**Dataset**:
------------------------------------

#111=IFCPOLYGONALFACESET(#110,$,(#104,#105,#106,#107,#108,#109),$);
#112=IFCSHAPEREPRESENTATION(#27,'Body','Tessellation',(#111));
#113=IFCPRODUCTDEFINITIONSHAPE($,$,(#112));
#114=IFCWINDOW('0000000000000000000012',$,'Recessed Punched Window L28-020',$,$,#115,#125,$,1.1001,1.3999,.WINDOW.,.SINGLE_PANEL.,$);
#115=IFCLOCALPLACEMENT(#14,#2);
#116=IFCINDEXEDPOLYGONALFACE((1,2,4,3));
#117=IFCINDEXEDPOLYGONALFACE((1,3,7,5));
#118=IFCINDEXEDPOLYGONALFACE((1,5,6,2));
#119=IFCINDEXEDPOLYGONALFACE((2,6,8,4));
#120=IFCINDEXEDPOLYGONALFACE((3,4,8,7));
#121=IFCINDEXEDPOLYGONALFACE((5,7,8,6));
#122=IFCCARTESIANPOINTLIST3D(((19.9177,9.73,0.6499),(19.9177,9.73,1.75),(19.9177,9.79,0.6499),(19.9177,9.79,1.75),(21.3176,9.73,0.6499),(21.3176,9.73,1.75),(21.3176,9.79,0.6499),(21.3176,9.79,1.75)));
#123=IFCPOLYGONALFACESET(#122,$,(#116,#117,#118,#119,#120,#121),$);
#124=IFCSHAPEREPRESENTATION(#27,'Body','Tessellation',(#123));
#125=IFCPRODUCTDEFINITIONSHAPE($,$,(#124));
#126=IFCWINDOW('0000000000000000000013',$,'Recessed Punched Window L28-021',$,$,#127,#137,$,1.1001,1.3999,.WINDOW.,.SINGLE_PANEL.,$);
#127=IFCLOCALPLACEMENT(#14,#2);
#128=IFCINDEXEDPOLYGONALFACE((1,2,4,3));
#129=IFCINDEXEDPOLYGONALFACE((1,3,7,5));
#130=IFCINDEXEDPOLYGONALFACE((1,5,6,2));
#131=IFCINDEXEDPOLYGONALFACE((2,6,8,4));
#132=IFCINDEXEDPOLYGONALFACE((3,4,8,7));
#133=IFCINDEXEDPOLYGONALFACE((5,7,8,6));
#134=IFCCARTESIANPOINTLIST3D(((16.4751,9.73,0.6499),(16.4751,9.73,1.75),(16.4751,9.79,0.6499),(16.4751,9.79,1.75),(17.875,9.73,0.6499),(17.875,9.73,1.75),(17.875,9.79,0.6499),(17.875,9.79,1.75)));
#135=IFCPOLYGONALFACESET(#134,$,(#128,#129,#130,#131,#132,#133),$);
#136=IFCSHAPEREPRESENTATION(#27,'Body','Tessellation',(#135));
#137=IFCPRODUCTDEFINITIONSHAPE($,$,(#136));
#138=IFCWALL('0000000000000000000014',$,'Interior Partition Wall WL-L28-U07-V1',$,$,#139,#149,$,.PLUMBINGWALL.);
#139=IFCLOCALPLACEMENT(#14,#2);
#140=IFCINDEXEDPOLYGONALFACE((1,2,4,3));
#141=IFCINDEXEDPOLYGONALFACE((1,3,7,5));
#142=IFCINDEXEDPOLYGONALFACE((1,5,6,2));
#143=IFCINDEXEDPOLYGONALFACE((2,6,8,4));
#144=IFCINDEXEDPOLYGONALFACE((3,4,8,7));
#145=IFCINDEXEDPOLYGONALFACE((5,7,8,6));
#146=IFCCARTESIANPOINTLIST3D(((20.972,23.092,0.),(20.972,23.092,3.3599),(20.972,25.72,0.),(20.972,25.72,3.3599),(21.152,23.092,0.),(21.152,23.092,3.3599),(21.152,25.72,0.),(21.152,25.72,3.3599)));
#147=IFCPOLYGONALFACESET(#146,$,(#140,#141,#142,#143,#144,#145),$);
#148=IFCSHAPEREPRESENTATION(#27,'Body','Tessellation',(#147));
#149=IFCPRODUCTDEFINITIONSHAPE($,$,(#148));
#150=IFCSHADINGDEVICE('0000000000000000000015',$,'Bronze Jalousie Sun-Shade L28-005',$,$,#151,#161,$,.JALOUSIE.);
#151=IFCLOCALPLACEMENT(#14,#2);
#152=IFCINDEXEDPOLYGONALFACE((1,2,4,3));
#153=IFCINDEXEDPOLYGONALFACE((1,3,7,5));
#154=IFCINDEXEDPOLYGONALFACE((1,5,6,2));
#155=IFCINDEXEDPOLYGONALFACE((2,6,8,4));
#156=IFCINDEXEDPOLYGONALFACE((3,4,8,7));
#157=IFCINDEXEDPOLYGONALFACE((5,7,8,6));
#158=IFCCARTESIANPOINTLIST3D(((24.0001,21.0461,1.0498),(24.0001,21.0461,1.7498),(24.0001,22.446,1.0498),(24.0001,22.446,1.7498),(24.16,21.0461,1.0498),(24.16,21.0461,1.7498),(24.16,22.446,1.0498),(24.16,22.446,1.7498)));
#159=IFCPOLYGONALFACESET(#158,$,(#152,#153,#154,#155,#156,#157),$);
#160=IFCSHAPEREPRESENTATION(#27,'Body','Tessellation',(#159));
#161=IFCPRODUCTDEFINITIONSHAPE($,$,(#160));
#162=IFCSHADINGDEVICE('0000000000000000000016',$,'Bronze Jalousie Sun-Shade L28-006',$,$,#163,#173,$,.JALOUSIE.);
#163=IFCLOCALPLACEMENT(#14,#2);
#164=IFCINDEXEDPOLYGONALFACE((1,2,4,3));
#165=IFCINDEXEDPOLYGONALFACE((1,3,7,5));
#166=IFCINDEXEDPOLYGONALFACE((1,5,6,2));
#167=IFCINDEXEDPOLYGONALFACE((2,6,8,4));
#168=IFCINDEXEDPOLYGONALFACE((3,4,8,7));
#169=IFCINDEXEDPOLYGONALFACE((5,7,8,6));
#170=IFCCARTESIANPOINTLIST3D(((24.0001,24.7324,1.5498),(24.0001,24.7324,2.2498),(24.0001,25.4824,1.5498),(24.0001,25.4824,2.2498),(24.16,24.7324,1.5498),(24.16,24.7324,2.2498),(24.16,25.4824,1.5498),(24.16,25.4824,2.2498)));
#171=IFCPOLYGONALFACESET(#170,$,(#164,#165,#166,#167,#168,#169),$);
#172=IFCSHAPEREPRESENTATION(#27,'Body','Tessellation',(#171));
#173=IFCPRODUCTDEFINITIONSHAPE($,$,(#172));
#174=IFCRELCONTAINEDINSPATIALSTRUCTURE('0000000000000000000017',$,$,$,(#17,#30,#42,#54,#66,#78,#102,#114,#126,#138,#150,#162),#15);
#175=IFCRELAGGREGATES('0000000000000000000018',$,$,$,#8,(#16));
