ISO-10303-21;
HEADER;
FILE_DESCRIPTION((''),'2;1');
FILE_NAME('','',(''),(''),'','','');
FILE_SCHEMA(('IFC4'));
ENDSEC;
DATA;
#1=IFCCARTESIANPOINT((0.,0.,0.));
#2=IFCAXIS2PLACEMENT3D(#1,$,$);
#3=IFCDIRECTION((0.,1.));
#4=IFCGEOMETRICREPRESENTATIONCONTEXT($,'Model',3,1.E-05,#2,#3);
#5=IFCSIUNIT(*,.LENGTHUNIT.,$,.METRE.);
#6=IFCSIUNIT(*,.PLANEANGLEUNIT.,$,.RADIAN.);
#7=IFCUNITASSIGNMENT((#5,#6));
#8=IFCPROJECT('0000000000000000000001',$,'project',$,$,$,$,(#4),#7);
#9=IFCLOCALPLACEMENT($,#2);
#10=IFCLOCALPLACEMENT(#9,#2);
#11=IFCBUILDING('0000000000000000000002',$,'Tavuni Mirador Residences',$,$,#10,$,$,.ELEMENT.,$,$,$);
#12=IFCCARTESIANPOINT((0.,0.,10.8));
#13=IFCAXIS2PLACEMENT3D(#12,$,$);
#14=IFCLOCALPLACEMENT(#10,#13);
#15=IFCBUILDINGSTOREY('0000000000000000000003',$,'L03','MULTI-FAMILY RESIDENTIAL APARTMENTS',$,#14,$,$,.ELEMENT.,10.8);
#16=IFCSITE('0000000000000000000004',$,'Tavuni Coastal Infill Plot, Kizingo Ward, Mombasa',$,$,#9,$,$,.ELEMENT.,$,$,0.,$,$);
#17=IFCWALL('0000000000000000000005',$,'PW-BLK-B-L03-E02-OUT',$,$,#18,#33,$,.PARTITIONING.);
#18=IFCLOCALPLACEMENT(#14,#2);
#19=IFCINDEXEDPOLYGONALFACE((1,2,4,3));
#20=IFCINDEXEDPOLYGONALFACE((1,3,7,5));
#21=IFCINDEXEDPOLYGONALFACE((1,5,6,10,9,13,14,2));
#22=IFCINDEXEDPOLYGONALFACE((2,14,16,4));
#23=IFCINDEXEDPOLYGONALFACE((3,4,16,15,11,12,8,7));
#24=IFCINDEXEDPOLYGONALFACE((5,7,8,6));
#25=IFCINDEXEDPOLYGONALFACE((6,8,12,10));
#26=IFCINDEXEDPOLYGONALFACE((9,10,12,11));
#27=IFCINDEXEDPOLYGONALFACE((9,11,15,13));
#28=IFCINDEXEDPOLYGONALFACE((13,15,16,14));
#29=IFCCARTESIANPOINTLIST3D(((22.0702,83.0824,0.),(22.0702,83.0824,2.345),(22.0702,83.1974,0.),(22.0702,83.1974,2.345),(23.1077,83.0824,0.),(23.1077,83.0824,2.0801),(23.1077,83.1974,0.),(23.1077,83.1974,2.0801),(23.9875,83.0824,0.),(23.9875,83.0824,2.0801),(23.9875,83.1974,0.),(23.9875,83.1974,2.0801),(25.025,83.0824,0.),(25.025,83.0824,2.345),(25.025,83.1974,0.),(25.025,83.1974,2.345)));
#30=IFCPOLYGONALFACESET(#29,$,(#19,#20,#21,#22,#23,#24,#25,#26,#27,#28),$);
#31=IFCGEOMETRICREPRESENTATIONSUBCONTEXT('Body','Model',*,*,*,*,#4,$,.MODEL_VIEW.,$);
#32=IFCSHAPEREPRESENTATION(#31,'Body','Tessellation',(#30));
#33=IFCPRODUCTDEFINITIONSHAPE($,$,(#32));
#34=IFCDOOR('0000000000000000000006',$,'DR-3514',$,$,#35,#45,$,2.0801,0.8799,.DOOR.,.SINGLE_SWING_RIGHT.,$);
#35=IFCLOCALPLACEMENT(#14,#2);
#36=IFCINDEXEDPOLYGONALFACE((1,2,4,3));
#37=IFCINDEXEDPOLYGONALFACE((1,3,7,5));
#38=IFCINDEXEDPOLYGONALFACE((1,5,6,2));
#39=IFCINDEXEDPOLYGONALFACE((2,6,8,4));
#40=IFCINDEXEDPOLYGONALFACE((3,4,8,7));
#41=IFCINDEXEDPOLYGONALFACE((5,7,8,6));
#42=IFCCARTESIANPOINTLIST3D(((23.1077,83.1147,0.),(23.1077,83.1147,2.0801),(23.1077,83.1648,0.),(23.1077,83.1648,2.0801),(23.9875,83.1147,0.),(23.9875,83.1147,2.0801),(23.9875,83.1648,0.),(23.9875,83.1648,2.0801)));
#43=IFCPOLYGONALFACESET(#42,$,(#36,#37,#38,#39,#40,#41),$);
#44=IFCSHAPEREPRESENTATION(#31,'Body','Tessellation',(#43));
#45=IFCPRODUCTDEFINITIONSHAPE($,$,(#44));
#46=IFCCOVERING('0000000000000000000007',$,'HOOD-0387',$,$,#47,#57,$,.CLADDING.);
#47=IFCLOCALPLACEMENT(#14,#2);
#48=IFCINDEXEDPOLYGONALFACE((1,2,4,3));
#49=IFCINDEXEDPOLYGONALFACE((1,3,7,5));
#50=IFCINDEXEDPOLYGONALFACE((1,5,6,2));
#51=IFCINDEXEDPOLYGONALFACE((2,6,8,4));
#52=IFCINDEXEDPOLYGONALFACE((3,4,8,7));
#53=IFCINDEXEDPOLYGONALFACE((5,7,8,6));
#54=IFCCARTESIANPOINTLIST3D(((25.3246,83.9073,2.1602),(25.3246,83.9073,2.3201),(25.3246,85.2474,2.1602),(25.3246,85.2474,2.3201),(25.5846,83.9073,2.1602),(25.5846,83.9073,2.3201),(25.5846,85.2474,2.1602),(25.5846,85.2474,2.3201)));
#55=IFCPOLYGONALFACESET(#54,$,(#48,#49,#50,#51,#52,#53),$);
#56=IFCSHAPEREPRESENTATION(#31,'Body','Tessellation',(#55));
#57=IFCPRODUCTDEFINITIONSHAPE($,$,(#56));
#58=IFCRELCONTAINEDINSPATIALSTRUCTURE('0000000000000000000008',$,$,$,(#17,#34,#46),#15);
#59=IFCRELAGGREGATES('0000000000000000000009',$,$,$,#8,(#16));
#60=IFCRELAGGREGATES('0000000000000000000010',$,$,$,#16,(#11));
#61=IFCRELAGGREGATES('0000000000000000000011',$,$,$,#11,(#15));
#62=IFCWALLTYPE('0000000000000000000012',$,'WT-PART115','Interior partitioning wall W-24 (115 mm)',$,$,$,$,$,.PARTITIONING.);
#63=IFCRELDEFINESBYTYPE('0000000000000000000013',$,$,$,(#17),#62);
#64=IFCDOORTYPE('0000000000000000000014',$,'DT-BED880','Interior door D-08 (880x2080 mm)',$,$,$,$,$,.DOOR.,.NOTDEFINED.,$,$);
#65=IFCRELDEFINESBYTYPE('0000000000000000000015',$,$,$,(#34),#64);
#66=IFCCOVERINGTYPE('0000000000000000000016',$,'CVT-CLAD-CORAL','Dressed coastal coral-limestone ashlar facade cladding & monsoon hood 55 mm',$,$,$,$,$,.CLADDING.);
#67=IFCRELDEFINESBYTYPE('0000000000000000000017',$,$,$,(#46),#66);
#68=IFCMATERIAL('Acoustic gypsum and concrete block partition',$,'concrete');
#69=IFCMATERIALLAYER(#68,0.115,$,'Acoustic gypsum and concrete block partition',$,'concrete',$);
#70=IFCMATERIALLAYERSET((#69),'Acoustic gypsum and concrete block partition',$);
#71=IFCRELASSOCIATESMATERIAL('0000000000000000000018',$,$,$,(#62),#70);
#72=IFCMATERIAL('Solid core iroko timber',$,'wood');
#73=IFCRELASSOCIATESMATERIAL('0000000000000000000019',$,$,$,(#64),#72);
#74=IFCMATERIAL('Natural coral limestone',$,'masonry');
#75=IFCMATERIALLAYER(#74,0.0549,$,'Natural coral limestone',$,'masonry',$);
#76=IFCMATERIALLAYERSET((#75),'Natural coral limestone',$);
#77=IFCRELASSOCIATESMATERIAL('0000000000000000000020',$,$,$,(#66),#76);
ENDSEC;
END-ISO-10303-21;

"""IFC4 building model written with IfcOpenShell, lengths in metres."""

from ifc_helpers import new_model, si_unit, direction, frame, frame_2d, origin, origin_2d, place, context, subcontext, project, spatial, rectangle, extrude, material, layer, layer_set, type_object, element, fill, save


model = new_model("IFC4")

# Units and contexts
model_context = context("Model", 3, precision=1e-05, world=origin(), true_north=direction((0.0, 1.0)))
body_context = subcontext(model_context, "Body", "Model", "MODEL_VIEW")
ifc_project = project(units=[si_unit("LENGTHUNIT", "METRE"), si_unit("PLANEANGLEUNIT", "RADIAN")], contexts=[model_context])

# Site, building, storey
site_placement = place(None, origin())
site = spatial("IfcSite", under=ifc_project, at=site_placement, Name="Tavuni Coastal Infill Plot, Kizingo Ward, Mombasa", CompositionType="ELEMENT", RefElevation=0.0)
building_placement = place(site_placement, origin())
building = spatial("IfcBuilding", under=site, at=building_placement, Name="Tavuni Mirador Residences", CompositionType="ELEMENT")
storey_placement = place(building_placement, frame((0.0, 0.0, 10.8)))
storey = spatial("IfcBuildingStorey", under=building, at=storey_placement, Name="L03", Description="MULTI-FAMILY RESIDENTIAL APARTMENTS", CompositionType="ELEMENT", Elevation=10.8)

# Wall, opening, door
ifc_material_1 = material(Name="Acoustic gypsum and concrete block partition", Category="concrete")
ifc_material_2 = material(Name="Solid core iroko timber", Category="wood")
ifc_layer_1 = layer(ifc_material_1, 0.115, Name="Acoustic gypsum and concrete block partition", Category="concrete")
ifc_layer_set_1 = layer_set([ifc_layer_1], Name="Acoustic gypsum and concrete block partition")
wall_type_1 = type_object("IfcWallType", Name="WT-PART115", Description="Interior partitioning wall W-24 (115 mm)", PredefinedType="PARTITIONING", material=ifc_layer_set_1)
wall_1_placement = place(storey_placement, frame((22.0701, 83.1399, 0.0), z_axis=(0.0, 0.0, 1.0), x_axis=(1.0, 0.0, 0.0)))
wall_1 = element("IfcWall", 1, at=wall_1_placement, inside=storey, type_object=wall_type_1, Name="PW-BLK-B-L03-E02-OUT", PredefinedType="PARTITIONING", context=body_context, shape_type="SweptSolid", body=[
    extrude(rectangle(XDim=2.9548, YDim=0.115, at=frame_2d((1.4775, 0.0))), origin(), (0.0, 0.0, 1.0), 2.345),
])
opening_1_placement = place(wall_1_placement, frame((1.0376, 0.0, 0.0)))
opening_1 = element("IfcOpeningElement", 2, at=opening_1_placement, cuts=wall_1, PredefinedType="OPENING", context=body_context, shape_type="SweptSolid", body=[
    extrude(rectangle(XDim=0.8799, YDim=2.0801, at=frame_2d((0.4399, 1.04))), frame((0.0, 0.0674, 0.0), z_axis=(0.0, -1.0, 0.0), x_axis=(1.0, 0.0, 0.0)), (0.0, 0.0, 1.0), 0.135),
])
door_type_1 = type_object("IfcDoorType", Name="DT-BED880", Description="Interior door D-08 (880x2080 mm)", OperationType="NOTDEFINED", PredefinedType="DOOR", material=ifc_material_2)
door_1_placement = place(opening_1_placement, origin())
door_1 = element("IfcDoor", 3, at=door_1_placement, inside=storey, type_object=door_type_1, Name="DR-3514", OperationType="SINGLE_SWING_RIGHT", OverallHeight=2.0801, OverallWidth=0.8799, PredefinedType="DOOR", context=body_context, shape_type="SweptSolid", body=[
    extrude(rectangle(XDim=0.8799, YDim=2.0801, at=frame_2d((0.4399, 1.04))), frame((0.0, 0.0249, 0.0), z_axis=(0.0, -1.0, 0.0), x_axis=(1.0, 0.0, 0.0)), (0.0, 0.0, 1.0), 0.05),
])
fill(opening_1, door_1)

# Covering
ifc_material_3 = material(Name="Natural coral limestone", Category="masonry")
ifc_layer_2 = layer(ifc_material_3, 0.0549, Name="Natural coral limestone", Category="masonry")
ifc_layer_set_2 = layer_set([ifc_layer_2], Name="Natural coral limestone")
covering_type = type_object("IfcCoveringType", Name="CVT-CLAD-CORAL", Description="Dressed coastal coral-limestone ashlar facade cladding & monsoon hood 55 mm", PredefinedType="CLADDING", material=ifc_layer_set_2)
covering_placement = place(storey_placement, frame((25.4546, 84.5774, 2.1602), z_axis=(0.0, 0.0, 1.0), x_axis=(0.0, 1.0, 0.0)))
element("IfcCovering", 4, at=covering_placement, inside=storey, type_object=covering_type, Name="HOOD-0387", PredefinedType="CLADDING", context=body_context, shape_type="SweptSolid", body=[
    extrude(rectangle(XDim=1.3401, YDim=0.26, at=origin_2d()), origin(), (0.0, 0.0, 1.0), 0.1599),
])

save(model, "model.ifc")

------------------------------------

**Task directions**: Among the entries above, the line containing "#19=IFCINDEXEDPOLYGONALFACE((1,2,4,3));", the line containing "#24=IFCINDEXEDPOLYGONALFACE((5,7,8,6));", and all lines between them are to be restated word for word; nothing else belongs in the reply.

**Solution for this exercise**:
#19=IFCINDEXEDPOLYGONALFACE((1,2,4,3));
#20=IFCINDEXEDPOLYGONALFACE((1,3,7,5));
#21=IFCINDEXEDPOLYGONALFACE((1,5,6,10,9,13,14,2));
#22=IFCINDEXEDPOLYGONALFACE((2,14,16,4));
#23=IFCINDEXEDPOLYGONALFACE((3,4,16,15,11,12,8,7));
#24=IFCINDEXEDPOLYGONALFACE((5,7,8,6));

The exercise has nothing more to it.